- [DATASET RECORDS]
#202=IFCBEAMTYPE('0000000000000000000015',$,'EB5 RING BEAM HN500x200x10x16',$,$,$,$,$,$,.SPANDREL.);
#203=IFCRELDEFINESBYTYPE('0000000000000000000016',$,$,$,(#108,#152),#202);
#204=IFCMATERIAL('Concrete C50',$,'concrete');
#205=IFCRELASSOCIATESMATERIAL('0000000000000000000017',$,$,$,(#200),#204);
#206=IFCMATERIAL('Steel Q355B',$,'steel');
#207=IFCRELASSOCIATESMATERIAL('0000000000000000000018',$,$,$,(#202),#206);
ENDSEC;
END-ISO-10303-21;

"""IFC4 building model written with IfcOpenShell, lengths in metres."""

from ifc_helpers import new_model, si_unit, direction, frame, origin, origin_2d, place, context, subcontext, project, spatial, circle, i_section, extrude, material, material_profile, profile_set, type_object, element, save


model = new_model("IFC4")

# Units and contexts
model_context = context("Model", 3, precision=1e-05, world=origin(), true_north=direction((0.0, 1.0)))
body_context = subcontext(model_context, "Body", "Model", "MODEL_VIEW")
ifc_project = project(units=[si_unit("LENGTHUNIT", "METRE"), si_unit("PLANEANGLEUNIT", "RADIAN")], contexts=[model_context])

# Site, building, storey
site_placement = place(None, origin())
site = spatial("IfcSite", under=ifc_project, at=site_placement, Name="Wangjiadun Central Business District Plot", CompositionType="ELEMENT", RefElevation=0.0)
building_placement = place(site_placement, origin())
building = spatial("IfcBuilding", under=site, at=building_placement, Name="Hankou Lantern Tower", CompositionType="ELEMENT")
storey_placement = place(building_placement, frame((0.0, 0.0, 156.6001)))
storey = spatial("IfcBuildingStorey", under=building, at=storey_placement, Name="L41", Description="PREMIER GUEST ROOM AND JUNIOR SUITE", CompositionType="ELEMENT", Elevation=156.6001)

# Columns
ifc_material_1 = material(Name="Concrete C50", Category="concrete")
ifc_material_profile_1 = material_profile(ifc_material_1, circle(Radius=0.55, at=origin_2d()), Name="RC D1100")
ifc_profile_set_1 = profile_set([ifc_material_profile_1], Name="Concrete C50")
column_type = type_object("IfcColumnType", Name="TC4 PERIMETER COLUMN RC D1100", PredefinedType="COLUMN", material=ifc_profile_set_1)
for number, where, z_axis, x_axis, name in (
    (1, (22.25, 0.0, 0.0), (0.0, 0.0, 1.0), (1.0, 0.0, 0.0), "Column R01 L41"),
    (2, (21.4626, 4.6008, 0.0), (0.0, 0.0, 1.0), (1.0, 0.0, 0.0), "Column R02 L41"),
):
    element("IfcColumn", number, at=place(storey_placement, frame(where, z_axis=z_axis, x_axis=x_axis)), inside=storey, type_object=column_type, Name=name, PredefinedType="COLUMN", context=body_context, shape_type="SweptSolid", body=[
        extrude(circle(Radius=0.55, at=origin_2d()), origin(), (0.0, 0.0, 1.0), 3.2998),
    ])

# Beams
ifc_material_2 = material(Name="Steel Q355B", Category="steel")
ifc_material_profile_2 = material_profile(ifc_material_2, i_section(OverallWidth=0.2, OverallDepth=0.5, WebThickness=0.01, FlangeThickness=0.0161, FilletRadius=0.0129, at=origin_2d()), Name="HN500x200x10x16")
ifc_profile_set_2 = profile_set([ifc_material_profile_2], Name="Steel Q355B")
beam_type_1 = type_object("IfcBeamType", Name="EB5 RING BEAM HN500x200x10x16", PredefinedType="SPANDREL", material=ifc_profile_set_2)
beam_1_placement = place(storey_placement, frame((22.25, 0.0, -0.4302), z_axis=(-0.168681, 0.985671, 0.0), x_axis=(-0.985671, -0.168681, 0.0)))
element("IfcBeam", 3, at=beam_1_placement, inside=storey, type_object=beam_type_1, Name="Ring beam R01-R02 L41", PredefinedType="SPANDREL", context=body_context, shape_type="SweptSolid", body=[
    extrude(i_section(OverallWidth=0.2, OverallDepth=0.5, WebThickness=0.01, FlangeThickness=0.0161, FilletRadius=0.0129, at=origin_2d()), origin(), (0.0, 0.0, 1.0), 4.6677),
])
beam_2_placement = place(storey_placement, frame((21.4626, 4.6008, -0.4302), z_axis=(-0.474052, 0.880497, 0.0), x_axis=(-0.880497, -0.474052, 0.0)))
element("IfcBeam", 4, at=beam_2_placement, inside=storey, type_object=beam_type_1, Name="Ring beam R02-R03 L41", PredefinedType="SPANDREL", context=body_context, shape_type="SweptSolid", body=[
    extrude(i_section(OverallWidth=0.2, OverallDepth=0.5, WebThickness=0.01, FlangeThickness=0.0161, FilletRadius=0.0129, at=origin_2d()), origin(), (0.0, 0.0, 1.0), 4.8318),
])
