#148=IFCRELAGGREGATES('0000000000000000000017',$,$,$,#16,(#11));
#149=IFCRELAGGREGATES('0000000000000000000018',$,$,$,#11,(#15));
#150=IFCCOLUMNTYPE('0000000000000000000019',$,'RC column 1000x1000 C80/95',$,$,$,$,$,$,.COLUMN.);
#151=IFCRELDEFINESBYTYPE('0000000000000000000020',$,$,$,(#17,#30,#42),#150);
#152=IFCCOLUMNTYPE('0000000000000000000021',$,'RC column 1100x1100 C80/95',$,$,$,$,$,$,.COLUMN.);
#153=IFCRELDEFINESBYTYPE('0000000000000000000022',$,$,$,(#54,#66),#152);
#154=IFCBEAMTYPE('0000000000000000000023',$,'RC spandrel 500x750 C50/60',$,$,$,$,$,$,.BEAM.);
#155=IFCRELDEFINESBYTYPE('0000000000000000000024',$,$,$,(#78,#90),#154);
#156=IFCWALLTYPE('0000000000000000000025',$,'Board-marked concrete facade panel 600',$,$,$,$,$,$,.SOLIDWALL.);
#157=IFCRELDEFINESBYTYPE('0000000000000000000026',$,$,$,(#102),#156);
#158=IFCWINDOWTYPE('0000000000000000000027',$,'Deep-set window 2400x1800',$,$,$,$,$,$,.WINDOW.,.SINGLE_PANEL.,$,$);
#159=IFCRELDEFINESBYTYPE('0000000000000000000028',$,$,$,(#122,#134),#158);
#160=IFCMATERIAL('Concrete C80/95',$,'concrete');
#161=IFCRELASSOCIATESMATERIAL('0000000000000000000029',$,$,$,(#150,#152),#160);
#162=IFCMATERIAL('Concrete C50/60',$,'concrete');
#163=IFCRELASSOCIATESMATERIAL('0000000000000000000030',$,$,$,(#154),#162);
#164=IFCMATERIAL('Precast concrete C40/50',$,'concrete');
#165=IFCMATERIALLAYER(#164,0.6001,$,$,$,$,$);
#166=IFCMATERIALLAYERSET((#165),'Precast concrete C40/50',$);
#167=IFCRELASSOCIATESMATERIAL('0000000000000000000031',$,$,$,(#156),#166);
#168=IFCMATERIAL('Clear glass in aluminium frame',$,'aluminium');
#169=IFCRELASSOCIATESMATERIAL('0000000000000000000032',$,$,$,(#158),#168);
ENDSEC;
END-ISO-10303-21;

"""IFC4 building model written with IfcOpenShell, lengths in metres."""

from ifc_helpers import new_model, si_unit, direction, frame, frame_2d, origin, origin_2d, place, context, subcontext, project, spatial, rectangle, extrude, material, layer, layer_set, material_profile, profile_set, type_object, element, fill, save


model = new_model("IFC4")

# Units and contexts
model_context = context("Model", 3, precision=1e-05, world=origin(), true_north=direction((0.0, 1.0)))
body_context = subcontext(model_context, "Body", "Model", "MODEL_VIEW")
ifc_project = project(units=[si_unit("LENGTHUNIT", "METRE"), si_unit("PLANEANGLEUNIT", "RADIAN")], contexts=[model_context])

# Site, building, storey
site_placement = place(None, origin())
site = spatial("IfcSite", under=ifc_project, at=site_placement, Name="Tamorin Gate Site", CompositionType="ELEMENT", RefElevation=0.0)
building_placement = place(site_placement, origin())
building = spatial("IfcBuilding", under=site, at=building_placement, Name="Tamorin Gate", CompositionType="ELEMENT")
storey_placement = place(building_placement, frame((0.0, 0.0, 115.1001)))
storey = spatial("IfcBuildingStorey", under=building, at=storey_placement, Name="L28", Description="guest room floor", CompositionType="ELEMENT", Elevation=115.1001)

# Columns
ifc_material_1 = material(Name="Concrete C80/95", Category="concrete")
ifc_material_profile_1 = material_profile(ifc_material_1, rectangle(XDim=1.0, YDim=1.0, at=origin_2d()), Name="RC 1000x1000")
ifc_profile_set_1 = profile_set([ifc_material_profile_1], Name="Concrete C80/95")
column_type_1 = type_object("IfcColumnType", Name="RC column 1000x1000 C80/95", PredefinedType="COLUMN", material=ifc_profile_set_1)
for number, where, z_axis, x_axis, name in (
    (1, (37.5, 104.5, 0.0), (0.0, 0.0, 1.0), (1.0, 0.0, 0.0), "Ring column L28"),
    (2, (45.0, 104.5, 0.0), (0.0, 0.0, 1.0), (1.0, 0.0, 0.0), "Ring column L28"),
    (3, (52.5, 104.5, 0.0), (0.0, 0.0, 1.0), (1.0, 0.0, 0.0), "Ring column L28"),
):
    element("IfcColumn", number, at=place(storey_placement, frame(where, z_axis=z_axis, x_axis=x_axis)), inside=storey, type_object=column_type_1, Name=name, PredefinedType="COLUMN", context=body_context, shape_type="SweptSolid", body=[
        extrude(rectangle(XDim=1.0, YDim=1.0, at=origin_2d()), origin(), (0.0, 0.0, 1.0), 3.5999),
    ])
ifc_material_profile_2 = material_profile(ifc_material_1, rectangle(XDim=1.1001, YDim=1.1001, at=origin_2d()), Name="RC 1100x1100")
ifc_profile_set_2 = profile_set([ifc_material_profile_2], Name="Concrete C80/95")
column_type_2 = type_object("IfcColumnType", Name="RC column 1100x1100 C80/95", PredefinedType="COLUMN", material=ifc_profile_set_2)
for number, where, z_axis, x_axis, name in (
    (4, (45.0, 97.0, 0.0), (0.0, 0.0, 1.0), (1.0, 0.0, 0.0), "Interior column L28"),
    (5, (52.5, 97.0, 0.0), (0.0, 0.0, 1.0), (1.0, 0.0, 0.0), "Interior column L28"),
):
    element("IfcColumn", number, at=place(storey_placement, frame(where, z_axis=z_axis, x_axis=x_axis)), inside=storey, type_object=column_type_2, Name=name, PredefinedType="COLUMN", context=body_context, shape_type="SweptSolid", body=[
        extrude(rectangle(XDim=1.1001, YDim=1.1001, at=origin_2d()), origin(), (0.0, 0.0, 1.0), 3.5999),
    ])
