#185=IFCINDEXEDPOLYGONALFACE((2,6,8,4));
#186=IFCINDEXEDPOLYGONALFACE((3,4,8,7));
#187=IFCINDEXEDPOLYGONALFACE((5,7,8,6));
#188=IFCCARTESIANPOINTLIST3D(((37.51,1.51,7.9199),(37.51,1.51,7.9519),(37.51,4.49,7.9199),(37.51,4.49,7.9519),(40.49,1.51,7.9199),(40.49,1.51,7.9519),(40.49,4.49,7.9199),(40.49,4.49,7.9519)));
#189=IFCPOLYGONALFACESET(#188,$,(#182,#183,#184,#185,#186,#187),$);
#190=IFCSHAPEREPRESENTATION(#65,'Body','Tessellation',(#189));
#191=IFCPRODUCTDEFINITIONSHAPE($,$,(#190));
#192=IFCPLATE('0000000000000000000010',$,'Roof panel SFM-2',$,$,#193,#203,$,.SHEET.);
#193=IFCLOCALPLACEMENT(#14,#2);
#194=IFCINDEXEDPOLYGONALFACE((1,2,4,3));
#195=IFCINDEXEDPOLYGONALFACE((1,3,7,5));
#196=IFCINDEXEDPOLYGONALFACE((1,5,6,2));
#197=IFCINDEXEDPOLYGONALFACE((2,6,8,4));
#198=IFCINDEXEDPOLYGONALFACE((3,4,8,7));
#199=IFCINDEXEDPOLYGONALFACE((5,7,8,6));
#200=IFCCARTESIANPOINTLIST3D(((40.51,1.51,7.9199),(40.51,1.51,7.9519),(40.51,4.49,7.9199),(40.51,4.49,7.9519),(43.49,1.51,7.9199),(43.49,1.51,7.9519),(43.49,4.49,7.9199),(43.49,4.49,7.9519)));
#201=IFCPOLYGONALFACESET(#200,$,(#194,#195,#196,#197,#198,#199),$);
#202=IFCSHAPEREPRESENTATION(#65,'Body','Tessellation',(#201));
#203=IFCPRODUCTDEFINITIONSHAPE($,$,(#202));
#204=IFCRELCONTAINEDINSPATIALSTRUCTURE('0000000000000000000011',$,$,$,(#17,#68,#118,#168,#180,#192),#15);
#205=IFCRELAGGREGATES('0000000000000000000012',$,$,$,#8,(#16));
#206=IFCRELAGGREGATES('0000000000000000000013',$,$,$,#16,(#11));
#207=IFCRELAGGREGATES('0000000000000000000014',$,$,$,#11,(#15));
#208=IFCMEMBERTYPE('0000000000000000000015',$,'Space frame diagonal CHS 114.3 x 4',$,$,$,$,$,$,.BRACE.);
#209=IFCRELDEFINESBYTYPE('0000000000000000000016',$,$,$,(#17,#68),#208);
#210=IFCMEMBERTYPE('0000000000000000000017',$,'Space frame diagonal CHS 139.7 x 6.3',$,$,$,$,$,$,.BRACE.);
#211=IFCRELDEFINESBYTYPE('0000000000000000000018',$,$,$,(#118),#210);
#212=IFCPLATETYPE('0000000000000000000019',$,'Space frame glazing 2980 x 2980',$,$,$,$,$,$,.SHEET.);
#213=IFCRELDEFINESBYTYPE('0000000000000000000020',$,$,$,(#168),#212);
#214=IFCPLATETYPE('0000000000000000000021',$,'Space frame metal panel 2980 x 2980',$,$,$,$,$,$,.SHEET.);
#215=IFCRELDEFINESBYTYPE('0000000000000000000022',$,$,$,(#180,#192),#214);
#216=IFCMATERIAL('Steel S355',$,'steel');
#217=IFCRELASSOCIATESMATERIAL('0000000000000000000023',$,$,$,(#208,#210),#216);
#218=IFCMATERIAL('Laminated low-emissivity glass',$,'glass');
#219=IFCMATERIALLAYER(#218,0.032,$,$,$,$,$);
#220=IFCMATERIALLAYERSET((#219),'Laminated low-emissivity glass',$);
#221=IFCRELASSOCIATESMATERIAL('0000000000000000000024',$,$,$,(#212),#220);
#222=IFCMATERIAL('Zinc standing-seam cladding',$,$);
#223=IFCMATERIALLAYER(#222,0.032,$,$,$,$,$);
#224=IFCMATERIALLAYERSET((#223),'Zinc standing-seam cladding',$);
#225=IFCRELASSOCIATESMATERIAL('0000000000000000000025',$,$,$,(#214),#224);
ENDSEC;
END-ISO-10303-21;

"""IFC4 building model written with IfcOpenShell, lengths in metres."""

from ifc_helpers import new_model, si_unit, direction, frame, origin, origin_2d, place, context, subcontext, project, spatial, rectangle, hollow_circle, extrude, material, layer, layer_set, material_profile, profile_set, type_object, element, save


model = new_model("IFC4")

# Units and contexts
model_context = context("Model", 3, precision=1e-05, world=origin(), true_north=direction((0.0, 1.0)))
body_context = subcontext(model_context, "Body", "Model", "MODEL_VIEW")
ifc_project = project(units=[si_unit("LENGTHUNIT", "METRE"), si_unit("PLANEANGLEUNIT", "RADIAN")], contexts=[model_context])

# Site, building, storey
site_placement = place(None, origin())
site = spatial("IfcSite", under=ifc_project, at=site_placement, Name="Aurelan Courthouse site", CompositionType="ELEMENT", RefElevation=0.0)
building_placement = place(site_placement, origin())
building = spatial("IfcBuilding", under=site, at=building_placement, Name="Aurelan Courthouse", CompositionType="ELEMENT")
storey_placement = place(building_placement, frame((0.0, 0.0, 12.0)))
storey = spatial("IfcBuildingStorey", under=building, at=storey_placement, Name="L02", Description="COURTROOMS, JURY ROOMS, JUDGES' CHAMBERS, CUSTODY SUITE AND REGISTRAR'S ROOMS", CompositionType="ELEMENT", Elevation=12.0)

- [YOUR OBJECTIVE] Using the records above, copy every line that has the word "Aurelan" in it.

- [TASK ANSWER]
site = spatial("IfcSite", under=ifc_project, at=site_placement, Name="Aurelan Courthouse site", CompositionType="ELEMENT", RefElevation=0.0)
building = spatial("IfcBuilding", under=site, at=building_placement, Name="Aurelan Courthouse", CompositionType="ELEMENT")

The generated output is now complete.